Start with the first line of the records below. Output each line exactly, ending with the one that contains "#135=IFCINDEXEDPOLYGONALFACE((5,6,8,7));".

(Stored items from a collection)
□ □ □

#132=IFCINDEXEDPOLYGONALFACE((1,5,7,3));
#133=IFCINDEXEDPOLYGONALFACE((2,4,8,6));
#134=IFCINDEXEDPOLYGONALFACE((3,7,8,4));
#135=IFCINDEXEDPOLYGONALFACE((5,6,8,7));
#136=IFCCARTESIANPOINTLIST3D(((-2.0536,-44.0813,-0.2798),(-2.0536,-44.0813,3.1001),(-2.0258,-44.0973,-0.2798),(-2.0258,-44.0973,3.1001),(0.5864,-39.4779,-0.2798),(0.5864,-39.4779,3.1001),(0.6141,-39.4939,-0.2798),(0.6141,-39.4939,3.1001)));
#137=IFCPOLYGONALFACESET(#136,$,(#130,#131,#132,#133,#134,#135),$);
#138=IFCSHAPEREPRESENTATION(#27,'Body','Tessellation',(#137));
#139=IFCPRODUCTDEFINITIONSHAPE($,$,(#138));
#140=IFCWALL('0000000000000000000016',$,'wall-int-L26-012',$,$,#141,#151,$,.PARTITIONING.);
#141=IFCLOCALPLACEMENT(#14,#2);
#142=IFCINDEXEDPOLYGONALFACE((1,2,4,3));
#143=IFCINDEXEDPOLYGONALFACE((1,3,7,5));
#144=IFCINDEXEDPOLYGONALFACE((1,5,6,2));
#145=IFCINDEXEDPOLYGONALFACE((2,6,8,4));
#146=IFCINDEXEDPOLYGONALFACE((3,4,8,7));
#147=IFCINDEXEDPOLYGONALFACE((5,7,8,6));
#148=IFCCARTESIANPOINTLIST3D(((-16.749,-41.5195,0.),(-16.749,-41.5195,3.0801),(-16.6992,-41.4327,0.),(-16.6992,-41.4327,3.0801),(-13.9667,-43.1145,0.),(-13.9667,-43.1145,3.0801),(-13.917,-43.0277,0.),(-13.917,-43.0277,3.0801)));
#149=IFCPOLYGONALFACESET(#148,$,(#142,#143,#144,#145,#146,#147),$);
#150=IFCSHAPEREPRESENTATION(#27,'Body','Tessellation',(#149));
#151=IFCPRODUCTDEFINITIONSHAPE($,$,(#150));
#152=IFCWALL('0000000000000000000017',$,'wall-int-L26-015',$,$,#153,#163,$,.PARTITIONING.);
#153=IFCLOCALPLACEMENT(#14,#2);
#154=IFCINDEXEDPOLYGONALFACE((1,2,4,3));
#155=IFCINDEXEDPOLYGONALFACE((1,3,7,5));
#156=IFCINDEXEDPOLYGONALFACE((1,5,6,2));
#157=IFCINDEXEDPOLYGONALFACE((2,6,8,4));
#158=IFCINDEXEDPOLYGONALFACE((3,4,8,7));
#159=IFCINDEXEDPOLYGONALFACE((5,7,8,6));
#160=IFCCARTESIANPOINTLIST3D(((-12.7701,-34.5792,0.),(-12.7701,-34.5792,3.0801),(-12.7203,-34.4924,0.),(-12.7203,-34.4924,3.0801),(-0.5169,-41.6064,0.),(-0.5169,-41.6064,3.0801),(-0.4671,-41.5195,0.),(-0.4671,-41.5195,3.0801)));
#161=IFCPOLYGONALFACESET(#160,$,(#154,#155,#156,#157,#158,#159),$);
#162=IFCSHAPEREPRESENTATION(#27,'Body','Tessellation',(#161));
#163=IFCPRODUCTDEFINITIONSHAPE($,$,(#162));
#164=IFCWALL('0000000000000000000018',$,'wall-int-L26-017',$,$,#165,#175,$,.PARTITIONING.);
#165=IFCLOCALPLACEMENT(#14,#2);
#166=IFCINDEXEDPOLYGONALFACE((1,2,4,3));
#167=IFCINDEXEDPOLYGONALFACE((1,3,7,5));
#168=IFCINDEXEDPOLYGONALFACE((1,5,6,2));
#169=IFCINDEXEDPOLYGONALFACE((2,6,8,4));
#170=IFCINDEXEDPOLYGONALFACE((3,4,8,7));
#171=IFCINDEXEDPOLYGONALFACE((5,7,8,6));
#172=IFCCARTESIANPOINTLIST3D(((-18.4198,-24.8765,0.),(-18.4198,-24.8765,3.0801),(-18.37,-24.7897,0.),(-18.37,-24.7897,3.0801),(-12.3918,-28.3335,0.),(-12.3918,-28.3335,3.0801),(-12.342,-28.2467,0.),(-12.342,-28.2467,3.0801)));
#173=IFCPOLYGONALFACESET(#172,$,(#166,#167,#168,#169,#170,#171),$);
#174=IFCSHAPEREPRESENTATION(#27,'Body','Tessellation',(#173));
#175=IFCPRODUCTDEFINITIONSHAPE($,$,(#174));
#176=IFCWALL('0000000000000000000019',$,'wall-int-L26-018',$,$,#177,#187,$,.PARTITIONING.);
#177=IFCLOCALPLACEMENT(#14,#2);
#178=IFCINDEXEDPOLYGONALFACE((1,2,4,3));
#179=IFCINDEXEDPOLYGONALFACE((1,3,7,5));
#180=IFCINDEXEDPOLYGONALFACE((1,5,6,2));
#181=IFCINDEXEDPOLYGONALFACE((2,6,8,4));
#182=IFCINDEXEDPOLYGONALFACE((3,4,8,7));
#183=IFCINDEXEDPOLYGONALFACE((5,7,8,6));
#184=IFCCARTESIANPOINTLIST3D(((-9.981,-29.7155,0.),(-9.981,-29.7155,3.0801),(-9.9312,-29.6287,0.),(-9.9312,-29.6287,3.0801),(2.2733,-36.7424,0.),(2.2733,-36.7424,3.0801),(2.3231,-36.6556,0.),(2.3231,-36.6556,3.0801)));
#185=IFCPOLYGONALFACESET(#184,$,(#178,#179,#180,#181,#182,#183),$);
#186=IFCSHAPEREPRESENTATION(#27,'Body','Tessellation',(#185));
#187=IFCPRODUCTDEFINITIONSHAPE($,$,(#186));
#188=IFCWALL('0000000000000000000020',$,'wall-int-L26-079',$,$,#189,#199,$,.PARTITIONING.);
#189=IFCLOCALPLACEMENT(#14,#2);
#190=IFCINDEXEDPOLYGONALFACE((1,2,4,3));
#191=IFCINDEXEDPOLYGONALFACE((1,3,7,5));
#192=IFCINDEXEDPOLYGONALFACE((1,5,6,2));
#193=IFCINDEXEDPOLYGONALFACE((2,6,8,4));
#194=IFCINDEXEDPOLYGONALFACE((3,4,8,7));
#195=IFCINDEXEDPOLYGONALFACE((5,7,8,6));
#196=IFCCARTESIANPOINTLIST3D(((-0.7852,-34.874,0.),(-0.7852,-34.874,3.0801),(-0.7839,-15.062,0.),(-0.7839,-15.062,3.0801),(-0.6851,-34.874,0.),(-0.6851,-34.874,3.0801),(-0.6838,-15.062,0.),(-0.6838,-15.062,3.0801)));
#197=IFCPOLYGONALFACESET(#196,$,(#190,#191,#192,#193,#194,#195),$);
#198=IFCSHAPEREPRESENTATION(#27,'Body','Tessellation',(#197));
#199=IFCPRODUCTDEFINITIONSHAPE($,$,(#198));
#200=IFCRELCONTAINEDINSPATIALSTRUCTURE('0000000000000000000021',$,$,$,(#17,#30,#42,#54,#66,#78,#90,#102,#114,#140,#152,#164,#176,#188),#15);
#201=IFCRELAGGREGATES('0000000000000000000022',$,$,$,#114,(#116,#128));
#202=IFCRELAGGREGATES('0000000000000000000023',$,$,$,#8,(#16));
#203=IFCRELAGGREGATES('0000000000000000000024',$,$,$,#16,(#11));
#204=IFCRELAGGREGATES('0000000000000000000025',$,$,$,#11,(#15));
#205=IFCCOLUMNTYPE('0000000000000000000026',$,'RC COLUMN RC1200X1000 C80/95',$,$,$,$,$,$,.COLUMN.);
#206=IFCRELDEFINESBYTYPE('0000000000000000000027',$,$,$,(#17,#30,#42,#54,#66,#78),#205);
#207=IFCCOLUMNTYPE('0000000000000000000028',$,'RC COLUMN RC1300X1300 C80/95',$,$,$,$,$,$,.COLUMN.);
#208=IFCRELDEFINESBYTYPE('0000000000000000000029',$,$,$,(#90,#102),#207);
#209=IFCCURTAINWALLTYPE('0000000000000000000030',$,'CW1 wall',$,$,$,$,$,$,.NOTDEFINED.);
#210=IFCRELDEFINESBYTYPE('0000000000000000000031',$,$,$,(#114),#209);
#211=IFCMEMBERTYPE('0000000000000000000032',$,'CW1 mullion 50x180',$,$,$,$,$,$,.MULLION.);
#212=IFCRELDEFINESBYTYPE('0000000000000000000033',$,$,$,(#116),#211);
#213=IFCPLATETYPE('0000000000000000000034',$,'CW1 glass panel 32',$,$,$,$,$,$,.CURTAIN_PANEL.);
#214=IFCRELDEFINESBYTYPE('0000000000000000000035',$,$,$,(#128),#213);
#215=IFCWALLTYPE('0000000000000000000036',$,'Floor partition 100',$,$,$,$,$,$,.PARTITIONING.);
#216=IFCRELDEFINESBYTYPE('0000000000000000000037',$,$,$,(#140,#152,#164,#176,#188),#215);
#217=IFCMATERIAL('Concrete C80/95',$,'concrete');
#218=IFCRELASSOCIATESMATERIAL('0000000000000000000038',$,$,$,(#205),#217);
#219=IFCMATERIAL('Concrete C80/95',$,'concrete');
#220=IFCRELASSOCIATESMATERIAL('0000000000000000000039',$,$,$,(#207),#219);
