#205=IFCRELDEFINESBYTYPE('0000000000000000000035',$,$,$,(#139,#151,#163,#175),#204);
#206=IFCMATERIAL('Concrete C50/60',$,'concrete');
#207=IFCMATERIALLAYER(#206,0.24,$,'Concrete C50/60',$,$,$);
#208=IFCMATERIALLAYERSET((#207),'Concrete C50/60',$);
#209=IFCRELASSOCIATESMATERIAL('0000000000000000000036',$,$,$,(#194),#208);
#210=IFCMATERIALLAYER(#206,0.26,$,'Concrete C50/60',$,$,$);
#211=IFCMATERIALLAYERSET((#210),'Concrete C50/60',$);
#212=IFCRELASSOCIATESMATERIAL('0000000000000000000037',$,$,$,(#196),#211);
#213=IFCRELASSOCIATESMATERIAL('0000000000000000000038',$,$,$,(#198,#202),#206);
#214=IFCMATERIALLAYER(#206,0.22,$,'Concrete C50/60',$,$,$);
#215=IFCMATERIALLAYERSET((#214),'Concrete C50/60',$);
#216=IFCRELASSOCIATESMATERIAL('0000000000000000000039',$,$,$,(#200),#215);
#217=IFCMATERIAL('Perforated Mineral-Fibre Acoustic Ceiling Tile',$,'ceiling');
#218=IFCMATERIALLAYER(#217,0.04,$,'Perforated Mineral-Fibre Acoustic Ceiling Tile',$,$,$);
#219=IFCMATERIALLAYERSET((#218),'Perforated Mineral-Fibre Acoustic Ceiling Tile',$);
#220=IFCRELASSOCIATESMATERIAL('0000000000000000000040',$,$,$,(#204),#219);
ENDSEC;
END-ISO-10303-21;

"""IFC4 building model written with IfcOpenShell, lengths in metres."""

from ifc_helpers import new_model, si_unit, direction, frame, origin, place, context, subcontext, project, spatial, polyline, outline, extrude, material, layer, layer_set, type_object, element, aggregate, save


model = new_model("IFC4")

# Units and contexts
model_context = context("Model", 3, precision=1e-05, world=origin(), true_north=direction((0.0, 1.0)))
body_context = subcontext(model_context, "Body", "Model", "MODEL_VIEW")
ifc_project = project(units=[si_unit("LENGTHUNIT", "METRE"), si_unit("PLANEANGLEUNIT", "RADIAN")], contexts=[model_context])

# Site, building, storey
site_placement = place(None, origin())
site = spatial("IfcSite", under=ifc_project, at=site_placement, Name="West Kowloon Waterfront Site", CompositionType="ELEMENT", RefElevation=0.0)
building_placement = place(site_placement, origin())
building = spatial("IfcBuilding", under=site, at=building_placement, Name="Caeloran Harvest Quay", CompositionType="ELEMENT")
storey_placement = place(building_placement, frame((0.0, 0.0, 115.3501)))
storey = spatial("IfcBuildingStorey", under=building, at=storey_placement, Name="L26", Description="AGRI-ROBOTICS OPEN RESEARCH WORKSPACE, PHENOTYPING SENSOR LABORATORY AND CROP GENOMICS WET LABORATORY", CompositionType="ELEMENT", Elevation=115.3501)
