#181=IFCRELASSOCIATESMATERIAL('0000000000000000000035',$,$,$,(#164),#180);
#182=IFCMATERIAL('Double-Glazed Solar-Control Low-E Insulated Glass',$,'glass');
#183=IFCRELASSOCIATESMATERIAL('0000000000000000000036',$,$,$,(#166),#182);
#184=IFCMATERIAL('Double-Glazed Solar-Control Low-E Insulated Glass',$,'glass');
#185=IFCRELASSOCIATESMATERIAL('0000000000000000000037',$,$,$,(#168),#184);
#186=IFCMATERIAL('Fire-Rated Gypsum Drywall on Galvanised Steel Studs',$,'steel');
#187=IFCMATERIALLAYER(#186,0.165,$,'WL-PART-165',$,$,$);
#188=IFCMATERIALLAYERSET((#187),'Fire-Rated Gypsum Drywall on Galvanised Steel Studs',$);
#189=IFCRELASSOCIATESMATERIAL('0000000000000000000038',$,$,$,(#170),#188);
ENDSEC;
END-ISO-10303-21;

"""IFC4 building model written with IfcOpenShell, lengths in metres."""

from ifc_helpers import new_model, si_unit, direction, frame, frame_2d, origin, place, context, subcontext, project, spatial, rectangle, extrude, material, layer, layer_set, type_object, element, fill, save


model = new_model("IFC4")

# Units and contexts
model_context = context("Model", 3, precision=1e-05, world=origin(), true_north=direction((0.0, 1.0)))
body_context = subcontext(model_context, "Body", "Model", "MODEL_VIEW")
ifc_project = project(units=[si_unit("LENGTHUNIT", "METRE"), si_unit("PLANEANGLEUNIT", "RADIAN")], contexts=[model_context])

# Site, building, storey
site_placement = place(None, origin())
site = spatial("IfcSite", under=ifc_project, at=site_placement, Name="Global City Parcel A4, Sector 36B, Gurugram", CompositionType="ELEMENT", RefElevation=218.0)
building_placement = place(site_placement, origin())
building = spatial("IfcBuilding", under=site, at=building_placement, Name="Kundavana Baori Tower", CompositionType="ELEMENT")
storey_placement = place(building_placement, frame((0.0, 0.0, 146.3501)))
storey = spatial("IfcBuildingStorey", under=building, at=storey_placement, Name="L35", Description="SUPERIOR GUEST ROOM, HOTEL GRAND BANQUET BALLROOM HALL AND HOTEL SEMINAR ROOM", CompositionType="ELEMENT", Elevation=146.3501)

□ □ □

→ **TASK ANSWER**:
#132=IFCINDEXEDPOLYGONALFACE((1,5,7,3));
#133=IFCINDEXEDPOLYGONALFACE((2,4,8,6));
#134=IFCINDEXEDPOLYGONALFACE((3,7,8,4));
#135=IFCINDEXEDPOLYGONALFACE((5,6,8,7));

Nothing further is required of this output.